◆ REQUIRED WORK ◆
For the data below, restate word for word only the lines from the line containing "#49=IFCINDEXEDPOLYGONALFACE((28,30,34,32));" through the line containing "#54=IFCINDEXEDPOLYGONALFACE((39,40,42,41));", both ends included.

◆ INFORMATION GIVEN ◆
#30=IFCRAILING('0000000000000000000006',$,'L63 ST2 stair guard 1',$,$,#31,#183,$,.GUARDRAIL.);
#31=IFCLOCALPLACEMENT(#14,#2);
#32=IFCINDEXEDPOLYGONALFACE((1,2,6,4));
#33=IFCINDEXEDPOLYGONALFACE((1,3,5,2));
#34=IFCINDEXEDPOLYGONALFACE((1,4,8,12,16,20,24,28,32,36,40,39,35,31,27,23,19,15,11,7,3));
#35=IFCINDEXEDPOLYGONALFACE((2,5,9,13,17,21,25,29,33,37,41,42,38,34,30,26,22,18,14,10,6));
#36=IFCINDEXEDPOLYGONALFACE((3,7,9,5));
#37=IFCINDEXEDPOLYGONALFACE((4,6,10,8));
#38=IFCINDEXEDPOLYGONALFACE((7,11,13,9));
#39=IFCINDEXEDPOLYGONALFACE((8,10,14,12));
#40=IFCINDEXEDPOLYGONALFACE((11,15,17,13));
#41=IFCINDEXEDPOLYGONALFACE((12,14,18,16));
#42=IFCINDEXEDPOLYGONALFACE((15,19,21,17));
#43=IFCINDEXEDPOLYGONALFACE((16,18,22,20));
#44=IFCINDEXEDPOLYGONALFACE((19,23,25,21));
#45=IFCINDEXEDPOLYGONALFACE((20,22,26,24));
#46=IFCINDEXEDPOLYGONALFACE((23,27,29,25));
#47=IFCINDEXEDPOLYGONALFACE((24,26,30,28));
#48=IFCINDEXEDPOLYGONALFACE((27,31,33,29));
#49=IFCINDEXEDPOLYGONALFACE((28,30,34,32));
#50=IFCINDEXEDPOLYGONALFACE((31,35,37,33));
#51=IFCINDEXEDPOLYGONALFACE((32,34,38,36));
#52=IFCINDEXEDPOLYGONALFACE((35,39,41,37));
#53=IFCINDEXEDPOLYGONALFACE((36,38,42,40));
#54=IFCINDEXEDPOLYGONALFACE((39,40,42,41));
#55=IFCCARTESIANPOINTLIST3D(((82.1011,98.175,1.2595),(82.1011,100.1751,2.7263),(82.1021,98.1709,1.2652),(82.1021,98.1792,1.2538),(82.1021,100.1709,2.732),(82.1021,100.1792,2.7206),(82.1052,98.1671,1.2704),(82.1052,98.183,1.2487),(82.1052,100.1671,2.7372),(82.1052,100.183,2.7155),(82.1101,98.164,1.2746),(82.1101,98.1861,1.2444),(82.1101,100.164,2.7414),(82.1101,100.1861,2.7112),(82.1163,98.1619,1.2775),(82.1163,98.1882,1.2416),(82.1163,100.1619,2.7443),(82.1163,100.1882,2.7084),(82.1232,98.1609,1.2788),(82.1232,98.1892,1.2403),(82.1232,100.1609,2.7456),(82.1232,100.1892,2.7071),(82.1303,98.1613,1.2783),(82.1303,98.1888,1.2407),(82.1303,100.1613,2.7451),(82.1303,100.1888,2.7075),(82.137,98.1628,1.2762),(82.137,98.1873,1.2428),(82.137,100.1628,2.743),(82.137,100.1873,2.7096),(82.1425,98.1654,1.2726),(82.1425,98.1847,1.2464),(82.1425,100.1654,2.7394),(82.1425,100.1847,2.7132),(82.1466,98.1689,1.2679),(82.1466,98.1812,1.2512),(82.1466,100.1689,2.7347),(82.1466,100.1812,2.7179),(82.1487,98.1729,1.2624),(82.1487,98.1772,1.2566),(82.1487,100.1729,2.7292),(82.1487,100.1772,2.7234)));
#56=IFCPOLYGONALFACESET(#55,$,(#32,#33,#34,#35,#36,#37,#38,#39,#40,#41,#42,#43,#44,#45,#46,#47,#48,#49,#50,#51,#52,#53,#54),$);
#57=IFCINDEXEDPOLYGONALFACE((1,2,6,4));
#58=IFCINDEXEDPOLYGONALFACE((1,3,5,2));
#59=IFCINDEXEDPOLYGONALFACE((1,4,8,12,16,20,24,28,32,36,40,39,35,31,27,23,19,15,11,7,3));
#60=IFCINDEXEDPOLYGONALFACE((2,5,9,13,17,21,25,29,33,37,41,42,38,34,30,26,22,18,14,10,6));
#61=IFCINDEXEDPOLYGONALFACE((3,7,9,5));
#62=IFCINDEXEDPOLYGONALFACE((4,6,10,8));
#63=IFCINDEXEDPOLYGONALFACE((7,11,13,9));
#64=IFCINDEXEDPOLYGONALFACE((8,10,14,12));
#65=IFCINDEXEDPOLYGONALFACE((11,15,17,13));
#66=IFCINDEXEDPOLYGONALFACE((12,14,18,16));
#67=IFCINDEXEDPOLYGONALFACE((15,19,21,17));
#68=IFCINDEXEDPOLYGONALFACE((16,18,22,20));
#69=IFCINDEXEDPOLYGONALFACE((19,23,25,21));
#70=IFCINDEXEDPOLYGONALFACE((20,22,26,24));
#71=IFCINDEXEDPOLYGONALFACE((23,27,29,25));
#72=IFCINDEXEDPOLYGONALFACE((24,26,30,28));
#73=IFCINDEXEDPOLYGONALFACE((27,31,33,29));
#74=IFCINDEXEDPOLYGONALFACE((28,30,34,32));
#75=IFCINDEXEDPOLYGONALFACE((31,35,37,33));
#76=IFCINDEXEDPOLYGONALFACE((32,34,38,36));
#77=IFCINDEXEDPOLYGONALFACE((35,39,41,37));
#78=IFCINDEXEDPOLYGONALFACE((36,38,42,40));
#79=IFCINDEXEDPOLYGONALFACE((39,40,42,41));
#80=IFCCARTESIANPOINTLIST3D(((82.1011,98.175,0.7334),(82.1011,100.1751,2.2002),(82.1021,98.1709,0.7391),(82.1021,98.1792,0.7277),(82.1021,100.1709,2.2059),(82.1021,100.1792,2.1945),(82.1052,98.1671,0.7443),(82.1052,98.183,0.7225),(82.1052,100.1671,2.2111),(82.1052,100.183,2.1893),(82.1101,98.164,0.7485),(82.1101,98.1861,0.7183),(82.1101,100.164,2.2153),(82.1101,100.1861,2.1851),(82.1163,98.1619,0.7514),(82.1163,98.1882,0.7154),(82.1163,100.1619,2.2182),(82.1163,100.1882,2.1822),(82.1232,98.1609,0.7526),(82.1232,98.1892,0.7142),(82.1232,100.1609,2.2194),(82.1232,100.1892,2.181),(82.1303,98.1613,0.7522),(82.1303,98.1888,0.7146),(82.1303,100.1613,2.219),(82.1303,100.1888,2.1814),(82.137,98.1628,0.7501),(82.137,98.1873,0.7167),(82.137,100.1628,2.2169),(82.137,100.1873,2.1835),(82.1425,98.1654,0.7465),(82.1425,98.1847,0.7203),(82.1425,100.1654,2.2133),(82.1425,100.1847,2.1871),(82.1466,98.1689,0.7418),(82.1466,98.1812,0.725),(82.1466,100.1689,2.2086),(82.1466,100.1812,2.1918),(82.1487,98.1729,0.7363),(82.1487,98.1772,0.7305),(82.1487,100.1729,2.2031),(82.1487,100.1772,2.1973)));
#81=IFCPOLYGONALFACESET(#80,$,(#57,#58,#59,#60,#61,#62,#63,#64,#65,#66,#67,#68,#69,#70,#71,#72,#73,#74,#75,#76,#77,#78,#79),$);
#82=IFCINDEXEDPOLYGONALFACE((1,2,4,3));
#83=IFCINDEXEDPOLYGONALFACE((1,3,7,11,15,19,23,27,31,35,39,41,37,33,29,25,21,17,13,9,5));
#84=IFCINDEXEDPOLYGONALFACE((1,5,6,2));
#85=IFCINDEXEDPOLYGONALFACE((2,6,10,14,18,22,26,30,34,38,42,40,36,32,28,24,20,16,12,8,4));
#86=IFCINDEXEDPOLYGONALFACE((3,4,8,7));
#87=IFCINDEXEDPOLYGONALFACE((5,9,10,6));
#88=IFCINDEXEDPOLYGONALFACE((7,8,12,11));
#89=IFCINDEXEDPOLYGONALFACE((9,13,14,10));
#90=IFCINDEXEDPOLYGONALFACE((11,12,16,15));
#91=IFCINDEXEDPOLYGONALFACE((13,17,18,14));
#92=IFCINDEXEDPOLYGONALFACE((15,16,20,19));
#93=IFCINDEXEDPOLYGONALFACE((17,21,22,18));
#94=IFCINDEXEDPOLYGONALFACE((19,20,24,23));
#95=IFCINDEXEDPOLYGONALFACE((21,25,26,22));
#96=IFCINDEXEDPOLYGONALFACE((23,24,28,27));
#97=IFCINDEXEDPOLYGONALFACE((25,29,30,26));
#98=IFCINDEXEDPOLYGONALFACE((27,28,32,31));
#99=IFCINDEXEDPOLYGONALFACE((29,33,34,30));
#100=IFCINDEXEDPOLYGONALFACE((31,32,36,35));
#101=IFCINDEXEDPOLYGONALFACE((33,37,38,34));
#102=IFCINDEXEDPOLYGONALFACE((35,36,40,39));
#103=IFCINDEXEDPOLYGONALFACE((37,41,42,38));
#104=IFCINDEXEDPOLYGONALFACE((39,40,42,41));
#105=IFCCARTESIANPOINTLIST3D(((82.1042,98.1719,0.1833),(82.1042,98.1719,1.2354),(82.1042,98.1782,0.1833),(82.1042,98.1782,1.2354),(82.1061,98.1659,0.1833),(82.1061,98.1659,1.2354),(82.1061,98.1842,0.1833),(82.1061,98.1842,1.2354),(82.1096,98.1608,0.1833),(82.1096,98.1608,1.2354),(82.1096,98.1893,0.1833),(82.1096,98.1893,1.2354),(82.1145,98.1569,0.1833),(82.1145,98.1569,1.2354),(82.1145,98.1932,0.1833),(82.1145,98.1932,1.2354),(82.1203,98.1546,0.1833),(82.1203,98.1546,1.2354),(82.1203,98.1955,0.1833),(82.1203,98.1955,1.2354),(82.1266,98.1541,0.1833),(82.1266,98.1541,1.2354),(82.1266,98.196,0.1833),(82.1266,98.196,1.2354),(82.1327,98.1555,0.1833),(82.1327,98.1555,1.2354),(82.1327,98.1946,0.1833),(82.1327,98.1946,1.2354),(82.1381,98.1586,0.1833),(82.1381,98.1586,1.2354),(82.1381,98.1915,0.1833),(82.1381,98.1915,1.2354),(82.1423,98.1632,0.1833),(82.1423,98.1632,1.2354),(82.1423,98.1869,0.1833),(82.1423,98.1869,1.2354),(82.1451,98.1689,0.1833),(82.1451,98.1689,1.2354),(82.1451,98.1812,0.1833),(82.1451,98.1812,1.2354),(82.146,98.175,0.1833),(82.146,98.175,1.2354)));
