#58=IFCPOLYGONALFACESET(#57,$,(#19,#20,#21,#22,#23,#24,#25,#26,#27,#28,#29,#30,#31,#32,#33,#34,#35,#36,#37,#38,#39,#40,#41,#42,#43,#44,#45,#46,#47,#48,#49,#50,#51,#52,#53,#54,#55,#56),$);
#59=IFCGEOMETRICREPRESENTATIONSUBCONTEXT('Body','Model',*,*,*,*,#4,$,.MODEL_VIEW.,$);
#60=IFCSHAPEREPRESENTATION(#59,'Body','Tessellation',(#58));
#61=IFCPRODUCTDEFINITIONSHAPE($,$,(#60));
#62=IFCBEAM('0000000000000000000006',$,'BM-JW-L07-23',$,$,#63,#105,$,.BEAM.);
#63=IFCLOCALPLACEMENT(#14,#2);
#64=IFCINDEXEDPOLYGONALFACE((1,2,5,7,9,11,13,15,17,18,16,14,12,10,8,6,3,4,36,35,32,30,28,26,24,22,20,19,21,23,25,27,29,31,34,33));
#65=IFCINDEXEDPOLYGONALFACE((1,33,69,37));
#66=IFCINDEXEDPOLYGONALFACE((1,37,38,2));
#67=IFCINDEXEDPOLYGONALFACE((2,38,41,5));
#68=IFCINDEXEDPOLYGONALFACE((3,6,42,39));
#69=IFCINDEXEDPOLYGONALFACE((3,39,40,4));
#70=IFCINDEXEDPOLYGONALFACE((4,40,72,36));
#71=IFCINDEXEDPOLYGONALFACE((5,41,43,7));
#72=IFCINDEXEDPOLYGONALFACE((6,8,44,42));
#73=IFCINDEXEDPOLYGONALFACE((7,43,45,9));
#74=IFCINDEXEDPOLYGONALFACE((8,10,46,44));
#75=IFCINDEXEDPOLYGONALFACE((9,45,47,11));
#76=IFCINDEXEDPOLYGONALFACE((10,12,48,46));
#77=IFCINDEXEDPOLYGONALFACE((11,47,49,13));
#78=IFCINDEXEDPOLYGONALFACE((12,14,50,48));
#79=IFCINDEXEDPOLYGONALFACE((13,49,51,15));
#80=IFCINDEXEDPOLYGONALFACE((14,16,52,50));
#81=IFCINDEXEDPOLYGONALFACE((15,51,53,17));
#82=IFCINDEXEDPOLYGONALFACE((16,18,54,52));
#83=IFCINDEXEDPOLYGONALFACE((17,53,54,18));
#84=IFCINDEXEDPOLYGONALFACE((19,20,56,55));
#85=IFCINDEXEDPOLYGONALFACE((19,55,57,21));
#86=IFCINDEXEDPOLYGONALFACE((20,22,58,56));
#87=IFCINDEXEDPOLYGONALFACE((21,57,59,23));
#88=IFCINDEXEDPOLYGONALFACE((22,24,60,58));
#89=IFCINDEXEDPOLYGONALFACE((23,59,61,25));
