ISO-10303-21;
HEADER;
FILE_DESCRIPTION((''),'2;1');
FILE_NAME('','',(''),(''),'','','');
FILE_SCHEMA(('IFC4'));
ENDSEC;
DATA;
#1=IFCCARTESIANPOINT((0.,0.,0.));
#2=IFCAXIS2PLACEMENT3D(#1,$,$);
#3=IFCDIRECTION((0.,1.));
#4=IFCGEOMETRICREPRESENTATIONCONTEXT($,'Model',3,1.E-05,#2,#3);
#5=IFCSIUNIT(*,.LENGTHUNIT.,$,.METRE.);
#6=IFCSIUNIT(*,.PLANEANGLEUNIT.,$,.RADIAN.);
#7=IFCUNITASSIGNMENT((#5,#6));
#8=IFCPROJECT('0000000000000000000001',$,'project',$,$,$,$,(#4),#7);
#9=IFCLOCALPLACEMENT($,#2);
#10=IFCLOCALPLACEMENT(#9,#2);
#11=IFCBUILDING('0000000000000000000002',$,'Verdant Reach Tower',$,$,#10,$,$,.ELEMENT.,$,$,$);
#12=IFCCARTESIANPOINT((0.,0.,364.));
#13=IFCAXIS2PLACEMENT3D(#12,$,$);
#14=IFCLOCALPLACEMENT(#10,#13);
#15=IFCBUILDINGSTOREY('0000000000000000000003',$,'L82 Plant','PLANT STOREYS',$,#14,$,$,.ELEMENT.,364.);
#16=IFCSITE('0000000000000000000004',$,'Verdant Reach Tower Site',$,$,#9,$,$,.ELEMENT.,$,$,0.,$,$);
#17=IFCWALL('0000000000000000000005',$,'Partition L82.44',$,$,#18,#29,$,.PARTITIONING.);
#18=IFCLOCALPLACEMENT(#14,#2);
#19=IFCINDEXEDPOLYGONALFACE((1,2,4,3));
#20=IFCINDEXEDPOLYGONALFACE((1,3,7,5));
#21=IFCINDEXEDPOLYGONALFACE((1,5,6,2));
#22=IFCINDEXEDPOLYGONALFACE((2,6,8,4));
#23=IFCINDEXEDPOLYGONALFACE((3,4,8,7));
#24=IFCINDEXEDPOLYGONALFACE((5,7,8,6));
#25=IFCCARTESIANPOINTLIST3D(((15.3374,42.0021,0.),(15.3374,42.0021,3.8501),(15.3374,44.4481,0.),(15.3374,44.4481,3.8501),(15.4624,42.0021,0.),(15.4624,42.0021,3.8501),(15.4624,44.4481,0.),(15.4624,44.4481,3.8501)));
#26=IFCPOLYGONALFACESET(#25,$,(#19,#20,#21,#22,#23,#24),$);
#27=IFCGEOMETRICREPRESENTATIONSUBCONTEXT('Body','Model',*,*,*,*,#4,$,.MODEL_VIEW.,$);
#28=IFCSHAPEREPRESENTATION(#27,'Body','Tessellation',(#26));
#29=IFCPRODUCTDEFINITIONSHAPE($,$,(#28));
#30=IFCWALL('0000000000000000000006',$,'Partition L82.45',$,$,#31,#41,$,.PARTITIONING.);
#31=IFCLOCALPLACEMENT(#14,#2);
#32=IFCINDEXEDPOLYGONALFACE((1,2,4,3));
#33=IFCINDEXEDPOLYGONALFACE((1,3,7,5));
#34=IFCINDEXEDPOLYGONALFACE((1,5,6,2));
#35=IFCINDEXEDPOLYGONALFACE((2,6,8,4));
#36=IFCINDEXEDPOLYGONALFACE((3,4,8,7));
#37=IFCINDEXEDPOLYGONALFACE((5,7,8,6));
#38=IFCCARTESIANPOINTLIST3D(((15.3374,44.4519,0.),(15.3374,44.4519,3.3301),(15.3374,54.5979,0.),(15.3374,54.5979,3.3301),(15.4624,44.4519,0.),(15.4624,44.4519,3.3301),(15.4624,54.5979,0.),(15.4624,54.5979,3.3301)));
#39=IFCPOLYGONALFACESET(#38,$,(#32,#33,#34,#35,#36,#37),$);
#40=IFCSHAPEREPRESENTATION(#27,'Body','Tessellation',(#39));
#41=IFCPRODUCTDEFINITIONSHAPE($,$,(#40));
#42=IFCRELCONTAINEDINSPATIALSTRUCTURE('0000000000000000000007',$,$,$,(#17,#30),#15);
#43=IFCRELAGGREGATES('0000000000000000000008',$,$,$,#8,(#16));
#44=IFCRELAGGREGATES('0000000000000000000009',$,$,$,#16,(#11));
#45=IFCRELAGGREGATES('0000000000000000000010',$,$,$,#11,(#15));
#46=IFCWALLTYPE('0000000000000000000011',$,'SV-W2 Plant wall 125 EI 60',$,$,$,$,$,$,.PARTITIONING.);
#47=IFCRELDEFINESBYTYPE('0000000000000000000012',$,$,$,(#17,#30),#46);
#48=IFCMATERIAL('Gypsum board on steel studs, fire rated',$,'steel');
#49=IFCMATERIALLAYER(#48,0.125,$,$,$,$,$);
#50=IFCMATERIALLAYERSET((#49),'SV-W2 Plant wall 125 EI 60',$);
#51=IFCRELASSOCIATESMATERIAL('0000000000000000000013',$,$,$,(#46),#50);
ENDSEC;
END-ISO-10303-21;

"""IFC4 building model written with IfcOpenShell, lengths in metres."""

from ifc_helpers import new_model, si_unit, direction, frame, frame_2d, origin, place, context, subcontext, project, spatial, rectangle, extrude, material, layer, layer_set, type_object, element, save


model = new_model("IFC4")

# Units and contexts
model_context = context("Model", 3, precision=1e-05, world=origin(), true_north=direction((0.0, 1.0)))
body_context = subcontext(model_context, "Body", "Model", "MODEL_VIEW")
ifc_project = project(units=[si_unit("LENGTHUNIT", "METRE"), si_unit("PLANEANGLEUNIT", "RADIAN")], contexts=[model_context])

# Site, building, storey
site_placement = place(None, origin())
site = spatial("IfcSite", under=ifc_project, at=site_placement, Name="Verdant Reach Tower Site", CompositionType="ELEMENT", RefElevation=0.0)
building_placement = place(site_placement, origin())
building = spatial("IfcBuilding", under=site, at=building_placement, Name="Verdant Reach Tower", CompositionType="ELEMENT")
storey_placement = place(building_placement, frame((0.0, 0.0, 364.0)))
storey = spatial("IfcBuildingStorey", under=building, at=storey_placement, Name="L82 Plant", Description="PLANT STOREYS", CompositionType="ELEMENT", Elevation=364.0)

# Shared definitions
ifc_material_1 = material(Name="Gypsum board on steel studs, fire rated", Category="steel")
ifc_layer = layer(ifc_material_1, 0.125)
ifc_layer_set = layer_set([ifc_layer], Name="SV-W2 Plant wall 125 EI 60")
wall_type = type_object("IfcWallType", Name="SV-W2 Plant wall 125 EI 60", PredefinedType="PARTITIONING", material=ifc_layer_set)

# Walls
wall_1_placement = place(storey_placement, frame((15.3999, 42.002, 0.0), z_axis=(0.0, 0.0, 1.0), x_axis=(0.0, 1.0, 0.0)))
element("IfcWall", 1, at=wall_1_placement, inside=storey, type_object=wall_type, Name="Partition L82.44", PredefinedType="PARTITIONING", context=body_context, shape_type="SweptSolid", body=[
    extrude(rectangle(XDim=2.446, YDim=0.125, at=frame_2d((1.2231, 0.0))), origin(), (0.0, 0.0, 1.0), 3.8501),
])
wall_2_placement = place(storey_placement, frame((15.3999, 44.4519, 0.0), z_axis=(0.0, 0.0, 1.0), x_axis=(0.0, 1.0, 0.0)))
element("IfcWall", 2, at=wall_2_placement, inside=storey, type_object=wall_type, Name="Partition L82.45", PredefinedType="PARTITIONING", context=body_context, shape_type="SweptSolid", body=[
    extrude(rectangle(XDim=10.146, YDim=0.125, at=frame_2d((5.073, 0.0))), origin(), (0.0, 0.0, 1.0), 3.3301),
])

save(model, "model.ifc")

◆ RESULT OF THE TASK ◆
#49=IFCINDEXEDPOLYGONALFACE((28,30,34,32));
#50=IFCINDEXEDPOLYGONALFACE((31,35,37,33));
#51=IFCINDEXEDPOLYGONALFACE((32,34,38,36));
#52=IFCINDEXEDPOLYGONALFACE((35,39,41,37));
#53=IFCINDEXEDPOLYGONALFACE((36,38,42,40));
#54=IFCINDEXEDPOLYGONALFACE((39,40,42,41));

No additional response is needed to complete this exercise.